::: RECORDS :::
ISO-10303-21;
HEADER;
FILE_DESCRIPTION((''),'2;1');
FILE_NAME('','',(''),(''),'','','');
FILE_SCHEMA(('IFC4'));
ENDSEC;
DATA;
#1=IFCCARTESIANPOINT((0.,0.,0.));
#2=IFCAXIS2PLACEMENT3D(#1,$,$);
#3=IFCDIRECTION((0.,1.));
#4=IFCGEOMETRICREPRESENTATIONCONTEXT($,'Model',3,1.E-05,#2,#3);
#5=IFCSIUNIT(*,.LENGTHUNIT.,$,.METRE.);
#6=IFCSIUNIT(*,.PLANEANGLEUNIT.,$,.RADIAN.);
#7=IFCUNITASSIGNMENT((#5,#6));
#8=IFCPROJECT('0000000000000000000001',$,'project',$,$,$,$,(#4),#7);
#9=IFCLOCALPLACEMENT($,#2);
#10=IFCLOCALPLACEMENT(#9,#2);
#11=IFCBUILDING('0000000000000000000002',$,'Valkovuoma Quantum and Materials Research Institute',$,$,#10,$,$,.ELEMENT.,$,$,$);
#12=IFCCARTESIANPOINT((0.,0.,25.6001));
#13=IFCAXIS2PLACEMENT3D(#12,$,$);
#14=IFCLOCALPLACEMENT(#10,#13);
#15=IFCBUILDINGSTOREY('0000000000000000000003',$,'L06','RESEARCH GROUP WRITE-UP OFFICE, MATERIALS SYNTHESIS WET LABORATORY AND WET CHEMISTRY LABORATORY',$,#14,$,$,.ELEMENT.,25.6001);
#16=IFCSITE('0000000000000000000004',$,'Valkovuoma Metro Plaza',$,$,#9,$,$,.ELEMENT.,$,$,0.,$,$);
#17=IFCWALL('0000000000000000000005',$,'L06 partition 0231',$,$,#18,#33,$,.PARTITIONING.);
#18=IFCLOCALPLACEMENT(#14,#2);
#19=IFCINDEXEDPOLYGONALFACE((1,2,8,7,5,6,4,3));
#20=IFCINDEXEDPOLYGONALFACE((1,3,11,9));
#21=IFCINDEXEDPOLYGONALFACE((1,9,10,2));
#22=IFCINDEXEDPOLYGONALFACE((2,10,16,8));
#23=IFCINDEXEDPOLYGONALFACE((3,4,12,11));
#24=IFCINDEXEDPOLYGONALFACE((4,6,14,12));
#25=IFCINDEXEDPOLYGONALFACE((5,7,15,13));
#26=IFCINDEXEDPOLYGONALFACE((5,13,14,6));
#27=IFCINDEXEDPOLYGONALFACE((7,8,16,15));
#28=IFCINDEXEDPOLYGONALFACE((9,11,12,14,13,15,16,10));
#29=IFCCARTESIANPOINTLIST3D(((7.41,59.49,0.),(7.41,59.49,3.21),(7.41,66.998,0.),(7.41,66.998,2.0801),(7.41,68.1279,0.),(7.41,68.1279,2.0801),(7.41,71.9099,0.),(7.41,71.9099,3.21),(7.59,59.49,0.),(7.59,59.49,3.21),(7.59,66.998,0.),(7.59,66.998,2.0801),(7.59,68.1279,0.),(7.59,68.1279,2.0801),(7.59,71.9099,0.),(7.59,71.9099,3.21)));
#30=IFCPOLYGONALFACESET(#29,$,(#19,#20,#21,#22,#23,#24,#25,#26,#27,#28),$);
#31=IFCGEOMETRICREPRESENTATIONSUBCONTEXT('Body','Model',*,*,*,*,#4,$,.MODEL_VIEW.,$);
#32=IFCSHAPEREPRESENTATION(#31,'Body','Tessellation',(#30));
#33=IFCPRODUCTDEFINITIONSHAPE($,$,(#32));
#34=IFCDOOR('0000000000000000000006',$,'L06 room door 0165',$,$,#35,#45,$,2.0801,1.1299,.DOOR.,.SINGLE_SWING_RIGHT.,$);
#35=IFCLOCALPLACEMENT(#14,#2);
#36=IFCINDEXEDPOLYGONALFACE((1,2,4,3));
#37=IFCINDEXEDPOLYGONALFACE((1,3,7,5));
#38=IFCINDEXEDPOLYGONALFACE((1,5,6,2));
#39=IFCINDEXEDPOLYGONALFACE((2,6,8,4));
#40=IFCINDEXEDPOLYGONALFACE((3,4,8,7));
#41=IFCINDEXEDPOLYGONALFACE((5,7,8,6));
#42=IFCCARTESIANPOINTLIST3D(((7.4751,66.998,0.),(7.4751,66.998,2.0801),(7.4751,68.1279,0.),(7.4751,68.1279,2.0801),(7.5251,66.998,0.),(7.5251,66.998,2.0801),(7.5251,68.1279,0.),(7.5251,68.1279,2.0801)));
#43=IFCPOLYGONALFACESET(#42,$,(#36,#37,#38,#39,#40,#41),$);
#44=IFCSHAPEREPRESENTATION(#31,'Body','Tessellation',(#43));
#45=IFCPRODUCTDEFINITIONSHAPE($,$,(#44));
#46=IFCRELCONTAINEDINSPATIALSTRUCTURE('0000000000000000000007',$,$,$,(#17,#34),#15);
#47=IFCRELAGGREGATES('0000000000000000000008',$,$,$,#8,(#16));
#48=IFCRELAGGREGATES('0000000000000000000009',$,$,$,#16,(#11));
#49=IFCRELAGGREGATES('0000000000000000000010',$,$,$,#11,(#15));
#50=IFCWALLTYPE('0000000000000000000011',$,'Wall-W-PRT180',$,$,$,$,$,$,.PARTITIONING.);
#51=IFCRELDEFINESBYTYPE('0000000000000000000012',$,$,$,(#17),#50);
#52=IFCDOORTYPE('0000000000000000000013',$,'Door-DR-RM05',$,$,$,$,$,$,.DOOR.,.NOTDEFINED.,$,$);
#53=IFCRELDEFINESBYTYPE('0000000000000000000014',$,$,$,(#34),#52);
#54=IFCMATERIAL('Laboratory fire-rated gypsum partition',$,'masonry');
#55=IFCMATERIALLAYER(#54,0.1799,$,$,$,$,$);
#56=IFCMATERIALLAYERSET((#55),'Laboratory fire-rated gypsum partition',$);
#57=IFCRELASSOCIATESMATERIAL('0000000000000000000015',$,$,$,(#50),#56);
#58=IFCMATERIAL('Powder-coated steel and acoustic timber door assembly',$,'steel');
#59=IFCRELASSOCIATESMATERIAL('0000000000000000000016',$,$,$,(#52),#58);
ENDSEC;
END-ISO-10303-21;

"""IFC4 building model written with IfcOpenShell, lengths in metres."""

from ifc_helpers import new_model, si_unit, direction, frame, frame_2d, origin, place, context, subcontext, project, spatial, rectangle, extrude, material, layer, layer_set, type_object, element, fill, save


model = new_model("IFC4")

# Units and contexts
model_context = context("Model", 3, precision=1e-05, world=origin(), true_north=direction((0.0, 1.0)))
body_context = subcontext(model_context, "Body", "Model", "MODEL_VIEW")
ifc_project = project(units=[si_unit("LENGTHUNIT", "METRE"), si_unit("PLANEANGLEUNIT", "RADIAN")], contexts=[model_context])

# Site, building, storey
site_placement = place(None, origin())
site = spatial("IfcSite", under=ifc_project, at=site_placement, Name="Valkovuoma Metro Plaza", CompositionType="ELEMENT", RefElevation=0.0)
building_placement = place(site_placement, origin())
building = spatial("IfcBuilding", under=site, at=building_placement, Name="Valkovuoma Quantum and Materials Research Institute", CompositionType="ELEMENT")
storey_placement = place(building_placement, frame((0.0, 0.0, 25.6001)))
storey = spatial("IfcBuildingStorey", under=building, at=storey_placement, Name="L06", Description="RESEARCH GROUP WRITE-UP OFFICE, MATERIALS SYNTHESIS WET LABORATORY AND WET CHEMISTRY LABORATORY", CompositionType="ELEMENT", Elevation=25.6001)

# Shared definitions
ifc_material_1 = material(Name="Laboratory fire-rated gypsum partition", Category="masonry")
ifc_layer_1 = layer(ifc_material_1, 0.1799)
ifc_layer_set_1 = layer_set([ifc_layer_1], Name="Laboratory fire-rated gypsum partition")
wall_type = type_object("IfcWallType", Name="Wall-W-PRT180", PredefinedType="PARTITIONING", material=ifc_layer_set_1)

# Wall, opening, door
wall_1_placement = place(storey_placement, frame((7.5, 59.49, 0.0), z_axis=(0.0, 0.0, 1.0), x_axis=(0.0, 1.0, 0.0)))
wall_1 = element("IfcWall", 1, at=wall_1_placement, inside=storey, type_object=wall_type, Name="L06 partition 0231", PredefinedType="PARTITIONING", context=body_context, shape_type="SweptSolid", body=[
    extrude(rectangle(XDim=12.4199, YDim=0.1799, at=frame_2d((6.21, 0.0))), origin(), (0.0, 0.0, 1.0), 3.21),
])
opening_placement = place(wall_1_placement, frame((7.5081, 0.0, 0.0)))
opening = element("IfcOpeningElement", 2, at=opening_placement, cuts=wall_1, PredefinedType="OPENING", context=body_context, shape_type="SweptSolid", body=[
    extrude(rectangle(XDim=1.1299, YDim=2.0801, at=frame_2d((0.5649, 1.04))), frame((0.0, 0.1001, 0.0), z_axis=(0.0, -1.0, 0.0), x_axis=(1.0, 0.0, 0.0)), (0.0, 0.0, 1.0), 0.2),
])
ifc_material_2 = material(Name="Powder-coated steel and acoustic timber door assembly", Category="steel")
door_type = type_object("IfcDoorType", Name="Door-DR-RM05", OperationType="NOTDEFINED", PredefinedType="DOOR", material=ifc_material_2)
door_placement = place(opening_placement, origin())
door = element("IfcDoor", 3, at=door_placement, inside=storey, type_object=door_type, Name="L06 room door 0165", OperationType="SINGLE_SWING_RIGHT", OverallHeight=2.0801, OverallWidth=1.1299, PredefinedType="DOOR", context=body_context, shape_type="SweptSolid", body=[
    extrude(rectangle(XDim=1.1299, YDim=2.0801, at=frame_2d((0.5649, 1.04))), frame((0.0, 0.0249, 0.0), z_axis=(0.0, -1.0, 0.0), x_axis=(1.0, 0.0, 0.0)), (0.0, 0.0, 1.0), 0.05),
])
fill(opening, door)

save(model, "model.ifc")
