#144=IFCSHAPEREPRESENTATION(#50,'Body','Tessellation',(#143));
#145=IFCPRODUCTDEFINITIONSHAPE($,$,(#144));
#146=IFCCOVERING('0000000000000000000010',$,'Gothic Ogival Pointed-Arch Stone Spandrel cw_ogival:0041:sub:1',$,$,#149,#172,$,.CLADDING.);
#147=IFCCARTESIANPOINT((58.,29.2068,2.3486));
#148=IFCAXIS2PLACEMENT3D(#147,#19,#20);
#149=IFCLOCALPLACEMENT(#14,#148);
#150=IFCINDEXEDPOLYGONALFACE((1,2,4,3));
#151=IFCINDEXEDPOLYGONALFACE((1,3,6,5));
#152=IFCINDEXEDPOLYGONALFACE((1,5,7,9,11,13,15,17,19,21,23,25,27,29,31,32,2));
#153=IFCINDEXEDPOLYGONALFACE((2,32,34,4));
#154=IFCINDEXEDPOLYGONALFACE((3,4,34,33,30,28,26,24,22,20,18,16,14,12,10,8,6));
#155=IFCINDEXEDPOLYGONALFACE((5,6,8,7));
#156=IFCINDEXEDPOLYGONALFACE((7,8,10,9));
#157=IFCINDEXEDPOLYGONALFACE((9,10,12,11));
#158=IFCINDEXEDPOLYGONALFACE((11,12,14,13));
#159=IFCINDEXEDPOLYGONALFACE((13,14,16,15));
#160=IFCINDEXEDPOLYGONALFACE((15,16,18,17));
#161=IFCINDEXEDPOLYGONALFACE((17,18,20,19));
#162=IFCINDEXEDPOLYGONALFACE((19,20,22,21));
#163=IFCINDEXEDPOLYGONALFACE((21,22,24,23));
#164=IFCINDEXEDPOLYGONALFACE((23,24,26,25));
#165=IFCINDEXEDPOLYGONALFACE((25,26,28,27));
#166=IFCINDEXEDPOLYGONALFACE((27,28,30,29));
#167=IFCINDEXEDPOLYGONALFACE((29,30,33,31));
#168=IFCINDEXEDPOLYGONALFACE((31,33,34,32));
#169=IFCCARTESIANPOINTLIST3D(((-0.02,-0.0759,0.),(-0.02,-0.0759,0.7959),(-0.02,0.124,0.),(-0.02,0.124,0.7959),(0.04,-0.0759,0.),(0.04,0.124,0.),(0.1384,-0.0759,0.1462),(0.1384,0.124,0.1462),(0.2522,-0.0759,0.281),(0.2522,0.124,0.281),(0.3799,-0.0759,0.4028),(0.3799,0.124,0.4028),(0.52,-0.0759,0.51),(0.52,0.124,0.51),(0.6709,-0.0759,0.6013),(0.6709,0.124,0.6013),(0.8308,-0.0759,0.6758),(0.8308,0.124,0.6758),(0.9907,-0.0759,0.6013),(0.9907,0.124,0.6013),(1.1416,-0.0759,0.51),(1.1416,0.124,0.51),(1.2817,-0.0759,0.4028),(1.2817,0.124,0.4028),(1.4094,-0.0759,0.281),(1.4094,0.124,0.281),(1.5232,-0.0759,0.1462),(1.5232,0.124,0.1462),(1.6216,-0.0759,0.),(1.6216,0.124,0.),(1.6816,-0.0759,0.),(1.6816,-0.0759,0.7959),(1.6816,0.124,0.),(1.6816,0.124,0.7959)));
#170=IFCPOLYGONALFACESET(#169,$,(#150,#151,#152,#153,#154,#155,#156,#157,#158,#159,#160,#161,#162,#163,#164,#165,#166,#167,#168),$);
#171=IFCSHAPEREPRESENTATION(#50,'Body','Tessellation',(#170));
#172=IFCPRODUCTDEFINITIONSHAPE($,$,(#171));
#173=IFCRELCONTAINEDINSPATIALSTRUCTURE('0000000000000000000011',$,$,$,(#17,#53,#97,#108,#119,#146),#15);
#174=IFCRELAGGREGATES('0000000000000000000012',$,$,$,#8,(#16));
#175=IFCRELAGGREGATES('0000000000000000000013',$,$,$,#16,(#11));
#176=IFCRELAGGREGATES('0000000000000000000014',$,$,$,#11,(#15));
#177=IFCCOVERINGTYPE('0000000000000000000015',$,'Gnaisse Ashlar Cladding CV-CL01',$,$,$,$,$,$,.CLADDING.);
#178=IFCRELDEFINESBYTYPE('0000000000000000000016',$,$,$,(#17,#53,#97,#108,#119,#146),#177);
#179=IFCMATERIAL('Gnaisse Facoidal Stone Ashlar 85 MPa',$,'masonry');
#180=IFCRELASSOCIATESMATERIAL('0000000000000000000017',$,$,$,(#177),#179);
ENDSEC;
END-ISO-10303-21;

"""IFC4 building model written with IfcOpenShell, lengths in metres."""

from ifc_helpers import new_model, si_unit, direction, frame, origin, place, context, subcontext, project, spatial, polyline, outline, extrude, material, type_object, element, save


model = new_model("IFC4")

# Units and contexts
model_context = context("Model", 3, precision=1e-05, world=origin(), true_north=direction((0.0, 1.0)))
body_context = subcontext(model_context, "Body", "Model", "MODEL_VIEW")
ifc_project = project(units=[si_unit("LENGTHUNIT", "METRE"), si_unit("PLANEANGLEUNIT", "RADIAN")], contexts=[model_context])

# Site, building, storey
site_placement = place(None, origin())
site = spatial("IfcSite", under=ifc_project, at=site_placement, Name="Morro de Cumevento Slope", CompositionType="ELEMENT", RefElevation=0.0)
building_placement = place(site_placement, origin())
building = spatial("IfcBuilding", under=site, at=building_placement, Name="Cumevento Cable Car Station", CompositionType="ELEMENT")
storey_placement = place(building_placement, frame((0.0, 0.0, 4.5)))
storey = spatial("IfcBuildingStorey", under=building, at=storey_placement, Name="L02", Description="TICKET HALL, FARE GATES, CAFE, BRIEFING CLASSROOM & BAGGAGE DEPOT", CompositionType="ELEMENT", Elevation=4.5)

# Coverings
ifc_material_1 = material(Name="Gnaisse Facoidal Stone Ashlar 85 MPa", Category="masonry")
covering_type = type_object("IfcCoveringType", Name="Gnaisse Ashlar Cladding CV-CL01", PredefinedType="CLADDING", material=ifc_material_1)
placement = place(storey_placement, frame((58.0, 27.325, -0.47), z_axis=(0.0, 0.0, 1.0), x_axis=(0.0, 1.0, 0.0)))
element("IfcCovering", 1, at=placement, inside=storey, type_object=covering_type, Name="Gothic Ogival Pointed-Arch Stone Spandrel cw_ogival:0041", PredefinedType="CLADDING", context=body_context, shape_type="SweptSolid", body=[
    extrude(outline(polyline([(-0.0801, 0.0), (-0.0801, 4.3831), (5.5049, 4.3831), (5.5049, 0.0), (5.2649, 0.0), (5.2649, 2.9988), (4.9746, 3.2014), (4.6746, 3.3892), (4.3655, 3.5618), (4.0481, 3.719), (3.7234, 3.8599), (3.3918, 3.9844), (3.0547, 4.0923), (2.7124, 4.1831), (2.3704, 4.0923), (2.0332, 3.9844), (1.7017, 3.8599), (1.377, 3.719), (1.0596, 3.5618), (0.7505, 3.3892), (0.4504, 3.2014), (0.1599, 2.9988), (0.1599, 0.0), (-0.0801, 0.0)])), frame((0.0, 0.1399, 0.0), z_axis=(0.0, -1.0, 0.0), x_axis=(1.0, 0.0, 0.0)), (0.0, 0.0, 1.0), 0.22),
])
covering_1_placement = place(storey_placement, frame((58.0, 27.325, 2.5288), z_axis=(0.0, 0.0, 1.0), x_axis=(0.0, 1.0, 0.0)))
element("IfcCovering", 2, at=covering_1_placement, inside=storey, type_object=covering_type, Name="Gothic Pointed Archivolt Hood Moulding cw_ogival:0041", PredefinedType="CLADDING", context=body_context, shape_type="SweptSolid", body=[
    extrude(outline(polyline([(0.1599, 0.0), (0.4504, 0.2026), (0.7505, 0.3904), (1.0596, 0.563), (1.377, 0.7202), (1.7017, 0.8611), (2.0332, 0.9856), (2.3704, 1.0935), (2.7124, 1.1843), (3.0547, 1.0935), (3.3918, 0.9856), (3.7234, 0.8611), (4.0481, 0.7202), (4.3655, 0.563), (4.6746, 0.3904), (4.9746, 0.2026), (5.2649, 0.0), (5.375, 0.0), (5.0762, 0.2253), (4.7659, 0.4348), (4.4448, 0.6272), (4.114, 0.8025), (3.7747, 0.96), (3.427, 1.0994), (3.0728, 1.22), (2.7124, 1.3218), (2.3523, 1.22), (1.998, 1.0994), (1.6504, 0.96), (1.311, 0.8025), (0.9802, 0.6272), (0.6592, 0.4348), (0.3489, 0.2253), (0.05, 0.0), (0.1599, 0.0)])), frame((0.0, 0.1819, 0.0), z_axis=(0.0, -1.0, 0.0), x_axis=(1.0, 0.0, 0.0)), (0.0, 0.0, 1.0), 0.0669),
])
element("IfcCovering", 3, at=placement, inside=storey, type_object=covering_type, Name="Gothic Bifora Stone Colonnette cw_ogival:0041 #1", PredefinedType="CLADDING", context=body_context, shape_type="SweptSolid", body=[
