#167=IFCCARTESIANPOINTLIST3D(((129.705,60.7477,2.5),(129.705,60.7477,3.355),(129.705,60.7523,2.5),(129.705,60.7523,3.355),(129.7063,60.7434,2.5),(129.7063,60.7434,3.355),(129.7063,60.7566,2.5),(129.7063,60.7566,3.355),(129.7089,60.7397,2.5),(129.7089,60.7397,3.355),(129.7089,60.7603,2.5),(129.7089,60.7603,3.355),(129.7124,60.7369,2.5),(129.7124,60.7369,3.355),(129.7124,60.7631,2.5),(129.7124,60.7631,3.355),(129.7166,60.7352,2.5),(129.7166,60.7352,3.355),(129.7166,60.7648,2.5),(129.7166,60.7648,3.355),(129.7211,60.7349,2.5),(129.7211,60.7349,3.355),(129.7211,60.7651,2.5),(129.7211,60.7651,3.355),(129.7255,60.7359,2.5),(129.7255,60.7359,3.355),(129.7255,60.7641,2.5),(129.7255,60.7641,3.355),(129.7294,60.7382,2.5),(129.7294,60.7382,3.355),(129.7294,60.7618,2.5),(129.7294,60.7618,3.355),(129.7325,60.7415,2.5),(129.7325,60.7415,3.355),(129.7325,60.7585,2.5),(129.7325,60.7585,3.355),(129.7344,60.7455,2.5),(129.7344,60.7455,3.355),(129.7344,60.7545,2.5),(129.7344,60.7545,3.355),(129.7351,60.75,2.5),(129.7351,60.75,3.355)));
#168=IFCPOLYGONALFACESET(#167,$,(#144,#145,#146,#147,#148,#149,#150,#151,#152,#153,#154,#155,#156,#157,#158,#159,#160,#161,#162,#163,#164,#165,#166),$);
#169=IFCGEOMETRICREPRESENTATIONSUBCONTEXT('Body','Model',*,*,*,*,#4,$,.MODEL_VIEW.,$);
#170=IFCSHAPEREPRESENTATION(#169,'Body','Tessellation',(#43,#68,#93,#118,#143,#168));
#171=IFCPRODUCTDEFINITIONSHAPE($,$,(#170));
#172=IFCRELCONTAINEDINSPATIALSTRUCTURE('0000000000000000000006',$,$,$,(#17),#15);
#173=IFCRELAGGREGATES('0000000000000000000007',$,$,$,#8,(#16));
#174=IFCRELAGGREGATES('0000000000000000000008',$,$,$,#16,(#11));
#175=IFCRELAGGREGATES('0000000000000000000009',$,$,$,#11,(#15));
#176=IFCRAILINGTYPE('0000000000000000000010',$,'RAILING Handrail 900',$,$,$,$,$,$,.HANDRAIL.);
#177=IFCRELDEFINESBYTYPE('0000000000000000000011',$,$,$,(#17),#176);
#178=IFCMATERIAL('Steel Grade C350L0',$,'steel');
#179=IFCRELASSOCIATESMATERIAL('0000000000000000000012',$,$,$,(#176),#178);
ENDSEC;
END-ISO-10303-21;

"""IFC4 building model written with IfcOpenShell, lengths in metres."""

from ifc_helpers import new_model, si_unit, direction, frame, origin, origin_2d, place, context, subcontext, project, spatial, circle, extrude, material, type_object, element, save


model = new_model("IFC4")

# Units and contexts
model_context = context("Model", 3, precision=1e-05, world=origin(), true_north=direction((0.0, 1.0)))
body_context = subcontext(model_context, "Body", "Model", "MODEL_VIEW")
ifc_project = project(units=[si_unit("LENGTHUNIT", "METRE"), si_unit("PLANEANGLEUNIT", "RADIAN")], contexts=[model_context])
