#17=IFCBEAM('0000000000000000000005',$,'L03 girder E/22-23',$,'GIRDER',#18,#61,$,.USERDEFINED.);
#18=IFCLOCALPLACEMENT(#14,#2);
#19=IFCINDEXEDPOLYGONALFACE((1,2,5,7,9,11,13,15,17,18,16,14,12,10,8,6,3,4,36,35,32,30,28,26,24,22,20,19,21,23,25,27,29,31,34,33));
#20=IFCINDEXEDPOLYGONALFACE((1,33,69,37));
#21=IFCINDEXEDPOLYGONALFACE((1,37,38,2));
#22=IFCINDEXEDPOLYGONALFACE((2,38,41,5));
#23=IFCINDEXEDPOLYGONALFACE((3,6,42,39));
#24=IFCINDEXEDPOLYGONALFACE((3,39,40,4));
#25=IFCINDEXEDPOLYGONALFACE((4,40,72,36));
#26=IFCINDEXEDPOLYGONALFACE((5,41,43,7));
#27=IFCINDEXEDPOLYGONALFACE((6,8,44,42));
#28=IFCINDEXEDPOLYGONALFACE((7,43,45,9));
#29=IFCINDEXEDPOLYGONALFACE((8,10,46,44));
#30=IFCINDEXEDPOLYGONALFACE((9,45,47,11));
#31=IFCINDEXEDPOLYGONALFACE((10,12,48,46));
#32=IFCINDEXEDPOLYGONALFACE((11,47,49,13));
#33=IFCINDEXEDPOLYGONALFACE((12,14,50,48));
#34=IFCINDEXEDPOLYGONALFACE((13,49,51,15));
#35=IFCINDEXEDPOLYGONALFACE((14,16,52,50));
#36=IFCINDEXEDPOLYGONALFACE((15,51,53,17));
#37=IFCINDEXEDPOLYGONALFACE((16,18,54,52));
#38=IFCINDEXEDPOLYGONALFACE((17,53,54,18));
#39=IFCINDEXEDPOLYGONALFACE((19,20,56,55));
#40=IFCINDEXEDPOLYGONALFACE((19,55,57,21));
:::
#### WORK ITEM:
Only one stretch of the entries above is wanted: the lines from the one containing "#162=IFCINDEXEDPOLYGONALFACE((19,20,22,21));" through the one containing "#168=IFCINDEXEDPOLYGONALFACE((31,33,34,32));". Please reproduce it exactly.

#### OUTPUT OF THE TASK:
#162=IFCINDEXEDPOLYGONALFACE((19,20,22,21));
#163=IFCINDEXEDPOLYGONALFACE((21,22,24,23));
#164=IFCINDEXEDPOLYGONALFACE((23,24,26,25));
#165=IFCINDEXEDPOLYGONALFACE((25,26,28,27));
#166=IFCINDEXEDPOLYGONALFACE((27,28,30,29));
#167=IFCINDEXEDPOLYGONALFACE((29,30,33,31));
#168=IFCINDEXEDPOLYGONALFACE((31,33,34,32));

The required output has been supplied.